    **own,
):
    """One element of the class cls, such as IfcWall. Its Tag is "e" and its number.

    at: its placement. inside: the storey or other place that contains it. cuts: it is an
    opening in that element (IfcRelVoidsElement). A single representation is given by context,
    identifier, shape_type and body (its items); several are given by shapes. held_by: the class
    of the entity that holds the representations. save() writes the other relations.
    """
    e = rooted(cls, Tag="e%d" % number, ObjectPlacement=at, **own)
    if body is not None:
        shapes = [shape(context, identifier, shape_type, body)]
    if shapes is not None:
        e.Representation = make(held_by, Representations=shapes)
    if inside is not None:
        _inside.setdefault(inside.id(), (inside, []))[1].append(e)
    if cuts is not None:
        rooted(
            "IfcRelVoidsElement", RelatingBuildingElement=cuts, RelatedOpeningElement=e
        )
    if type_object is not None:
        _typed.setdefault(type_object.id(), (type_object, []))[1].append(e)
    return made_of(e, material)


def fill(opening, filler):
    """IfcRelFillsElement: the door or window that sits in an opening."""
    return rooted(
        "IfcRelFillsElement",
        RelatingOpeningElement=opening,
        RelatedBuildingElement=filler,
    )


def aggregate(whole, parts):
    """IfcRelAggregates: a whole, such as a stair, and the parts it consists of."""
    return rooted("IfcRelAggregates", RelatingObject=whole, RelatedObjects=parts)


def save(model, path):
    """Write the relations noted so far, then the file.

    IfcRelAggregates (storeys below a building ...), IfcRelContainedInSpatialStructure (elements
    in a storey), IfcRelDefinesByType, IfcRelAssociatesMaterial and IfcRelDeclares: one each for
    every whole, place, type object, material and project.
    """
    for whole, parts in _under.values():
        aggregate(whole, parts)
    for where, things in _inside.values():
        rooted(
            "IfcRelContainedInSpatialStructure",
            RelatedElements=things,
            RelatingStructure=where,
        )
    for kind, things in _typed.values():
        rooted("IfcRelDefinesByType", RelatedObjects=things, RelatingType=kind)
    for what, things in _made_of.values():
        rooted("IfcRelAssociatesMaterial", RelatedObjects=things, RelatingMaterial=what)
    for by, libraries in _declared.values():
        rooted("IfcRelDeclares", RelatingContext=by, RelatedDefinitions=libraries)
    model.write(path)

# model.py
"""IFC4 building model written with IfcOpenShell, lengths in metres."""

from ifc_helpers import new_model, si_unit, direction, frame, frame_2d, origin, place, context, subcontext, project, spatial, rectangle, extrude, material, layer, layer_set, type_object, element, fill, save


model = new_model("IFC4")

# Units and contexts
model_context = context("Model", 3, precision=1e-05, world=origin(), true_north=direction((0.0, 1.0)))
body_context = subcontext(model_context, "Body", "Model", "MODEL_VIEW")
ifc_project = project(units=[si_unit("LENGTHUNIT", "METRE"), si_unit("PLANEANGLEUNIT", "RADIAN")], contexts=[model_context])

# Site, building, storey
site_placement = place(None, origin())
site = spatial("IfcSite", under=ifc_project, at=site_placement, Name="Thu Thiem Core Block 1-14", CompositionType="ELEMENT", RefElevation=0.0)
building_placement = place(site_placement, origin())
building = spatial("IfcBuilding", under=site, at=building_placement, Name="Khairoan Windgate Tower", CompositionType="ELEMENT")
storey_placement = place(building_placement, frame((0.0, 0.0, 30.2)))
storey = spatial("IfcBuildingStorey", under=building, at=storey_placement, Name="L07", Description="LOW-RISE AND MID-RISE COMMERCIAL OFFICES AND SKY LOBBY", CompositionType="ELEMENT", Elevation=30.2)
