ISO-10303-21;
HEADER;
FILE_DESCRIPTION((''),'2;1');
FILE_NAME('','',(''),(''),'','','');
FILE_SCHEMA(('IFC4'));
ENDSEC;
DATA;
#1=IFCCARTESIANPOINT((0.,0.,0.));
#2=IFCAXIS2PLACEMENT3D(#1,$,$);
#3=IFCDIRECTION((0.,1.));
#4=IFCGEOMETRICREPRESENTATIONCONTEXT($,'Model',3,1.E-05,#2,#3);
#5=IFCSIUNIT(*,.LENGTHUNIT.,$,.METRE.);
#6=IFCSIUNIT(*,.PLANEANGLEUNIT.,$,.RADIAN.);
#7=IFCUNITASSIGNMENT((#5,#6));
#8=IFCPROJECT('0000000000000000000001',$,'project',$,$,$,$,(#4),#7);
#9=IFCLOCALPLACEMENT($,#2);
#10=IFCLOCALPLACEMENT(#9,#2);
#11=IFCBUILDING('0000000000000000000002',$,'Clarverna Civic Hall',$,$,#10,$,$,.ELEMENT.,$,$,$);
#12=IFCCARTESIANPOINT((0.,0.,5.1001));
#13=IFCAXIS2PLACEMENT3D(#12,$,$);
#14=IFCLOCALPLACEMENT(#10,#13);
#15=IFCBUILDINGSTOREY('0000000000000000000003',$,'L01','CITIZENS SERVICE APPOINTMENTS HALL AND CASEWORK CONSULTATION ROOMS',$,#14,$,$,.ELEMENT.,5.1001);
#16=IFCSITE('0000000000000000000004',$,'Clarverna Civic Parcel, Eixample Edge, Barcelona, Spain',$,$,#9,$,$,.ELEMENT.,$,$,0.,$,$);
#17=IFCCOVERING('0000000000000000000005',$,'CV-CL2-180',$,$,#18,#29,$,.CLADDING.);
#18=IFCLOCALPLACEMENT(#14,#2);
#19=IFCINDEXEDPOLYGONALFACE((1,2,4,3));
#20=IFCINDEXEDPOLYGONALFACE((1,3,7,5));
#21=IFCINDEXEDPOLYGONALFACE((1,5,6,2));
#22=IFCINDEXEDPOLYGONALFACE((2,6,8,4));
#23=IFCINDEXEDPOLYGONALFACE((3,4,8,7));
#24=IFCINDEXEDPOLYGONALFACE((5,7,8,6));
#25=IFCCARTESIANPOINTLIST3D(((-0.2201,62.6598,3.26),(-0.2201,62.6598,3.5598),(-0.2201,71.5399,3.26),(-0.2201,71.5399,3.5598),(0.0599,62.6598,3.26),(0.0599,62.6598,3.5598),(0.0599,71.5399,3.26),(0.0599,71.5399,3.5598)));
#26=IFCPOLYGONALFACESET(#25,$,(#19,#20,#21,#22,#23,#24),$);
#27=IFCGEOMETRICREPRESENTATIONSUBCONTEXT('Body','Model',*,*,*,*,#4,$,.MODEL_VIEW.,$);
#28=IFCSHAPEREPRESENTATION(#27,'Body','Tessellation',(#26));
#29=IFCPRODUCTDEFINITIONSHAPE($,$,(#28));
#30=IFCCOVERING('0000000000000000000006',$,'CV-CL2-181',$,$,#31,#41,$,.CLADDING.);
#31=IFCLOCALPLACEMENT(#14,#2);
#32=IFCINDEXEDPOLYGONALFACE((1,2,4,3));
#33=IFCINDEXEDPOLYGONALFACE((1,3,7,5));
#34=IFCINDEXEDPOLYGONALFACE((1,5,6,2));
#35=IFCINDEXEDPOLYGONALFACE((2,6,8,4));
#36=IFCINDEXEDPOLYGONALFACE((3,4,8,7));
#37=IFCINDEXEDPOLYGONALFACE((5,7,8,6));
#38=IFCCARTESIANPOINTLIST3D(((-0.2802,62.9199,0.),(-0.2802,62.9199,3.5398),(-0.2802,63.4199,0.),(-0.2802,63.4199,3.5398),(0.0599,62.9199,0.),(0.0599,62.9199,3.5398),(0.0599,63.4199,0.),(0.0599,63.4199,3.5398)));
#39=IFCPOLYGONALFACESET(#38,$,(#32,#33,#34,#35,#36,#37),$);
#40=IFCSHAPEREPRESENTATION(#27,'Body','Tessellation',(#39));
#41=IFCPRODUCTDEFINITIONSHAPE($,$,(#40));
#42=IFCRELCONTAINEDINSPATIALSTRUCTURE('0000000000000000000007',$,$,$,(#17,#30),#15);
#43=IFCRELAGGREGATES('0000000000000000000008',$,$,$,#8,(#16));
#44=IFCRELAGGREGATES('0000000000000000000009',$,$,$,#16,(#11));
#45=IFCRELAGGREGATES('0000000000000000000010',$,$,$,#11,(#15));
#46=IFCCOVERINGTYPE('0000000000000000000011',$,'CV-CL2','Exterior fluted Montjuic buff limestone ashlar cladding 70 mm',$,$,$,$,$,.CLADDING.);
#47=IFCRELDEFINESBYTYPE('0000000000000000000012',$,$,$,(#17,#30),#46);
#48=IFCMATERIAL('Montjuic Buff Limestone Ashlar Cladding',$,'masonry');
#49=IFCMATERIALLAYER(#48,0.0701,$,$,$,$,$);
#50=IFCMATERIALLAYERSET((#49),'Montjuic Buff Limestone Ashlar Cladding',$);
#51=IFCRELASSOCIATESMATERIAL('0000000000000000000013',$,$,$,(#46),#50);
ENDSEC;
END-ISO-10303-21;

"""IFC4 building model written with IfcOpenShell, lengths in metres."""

from ifc_helpers import new_model, si_unit, direction, frame, frame_2d, origin, place, context, subcontext, project, spatial, rectangle, extrude, material, layer, layer_set, type_object, element, save


model = new_model("IFC4")

# Units and contexts
model_context = context("Model", 3, precision=1e-05, world=origin(), true_north=direction((0.0, 1.0)))
body_context = subcontext(model_context, "Body", "Model", "MODEL_VIEW")
ifc_project = project(units=[si_unit("LENGTHUNIT", "METRE"), si_unit("PLANEANGLEUNIT", "RADIAN")], contexts=[model_context])

# Site, building, storey
site_placement = place(None, origin())
site = spatial("IfcSite", under=ifc_project, at=site_placement, Name="Clarverna Civic Parcel, Eixample Edge, Barcelona, Spain", CompositionType="ELEMENT", RefElevation=0.0)
building_placement = place(site_placement, origin())
building = spatial("IfcBuilding", under=site, at=building_placement, Name="Clarverna Civic Hall", CompositionType="ELEMENT")
storey_placement = place(building_placement, frame((0.0, 0.0, 5.1001)))
storey = spatial("IfcBuildingStorey", under=building, at=storey_placement, Name="L01", Description="CITIZENS SERVICE APPOINTMENTS HALL AND CASEWORK CONSULTATION ROOMS", CompositionType="ELEMENT", Elevation=5.1001)

# Coverings
ifc_material_1 = material(Name="Montjuic Buff Limestone Ashlar Cladding", Category="masonry")
ifc_layer_1 = layer(ifc_material_1, 0.0701)
ifc_layer_set_1 = layer_set([ifc_layer_1], Name="Montjuic Buff Limestone Ashlar Cladding")
covering_type = type_object("IfcCoveringType", Name="CV-CL2", Description="Exterior fluted Montjuic buff limestone ashlar cladding 70 mm", PredefinedType="CLADDING", material=ifc_layer_set_1)
covering_1_placement = place(storey_placement, frame((-0.0801, 62.6599, 3.26), z_axis=(0.0, 0.0, 1.0), x_axis=(0.0, 1.0, 0.0)))
element("IfcCovering", 1, at=covering_1_placement, inside=storey, type_object=covering_type, Name="CV-CL2-180", PredefinedType="CLADDING", context=body_context, shape_type="SweptSolid", body=[
    extrude(rectangle(XDim=8.8801, YDim=0.28, at=frame_2d((4.4399, 0.0))), origin(), (0.0, 0.0, 1.0), 0.2998),
])
covering_2_placement = place(storey_placement, frame((-0.1101, 62.9199, 0.0), z_axis=(0.0, 0.0, 1.0), x_axis=(0.0, 1.0, 0.0)))
element("IfcCovering", 2, at=covering_2_placement, inside=storey, type_object=covering_type, Name="CV-CL2-181", PredefinedType="CLADDING", context=body_context, shape_type="SweptSolid", body=[
    extrude(rectangle(XDim=0.5, YDim=0.3401, at=frame_2d((0.25, 0.0))), origin(), (0.0, 0.0, 1.0), 3.5398),
])

save(model, "model.ifc")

☆ ☆ ☆ ☆ ☆

▶ _What this task involves_
Show every line above in which the word "IFCSIUNIT" appears.

▶ _The answer_
#5=IFCSIUNIT(*,.LENGTHUNIT.,$,.METRE.);
#6=IFCSIUNIT(*,.PLANEANGLEUNIT.,$,.RADIAN.);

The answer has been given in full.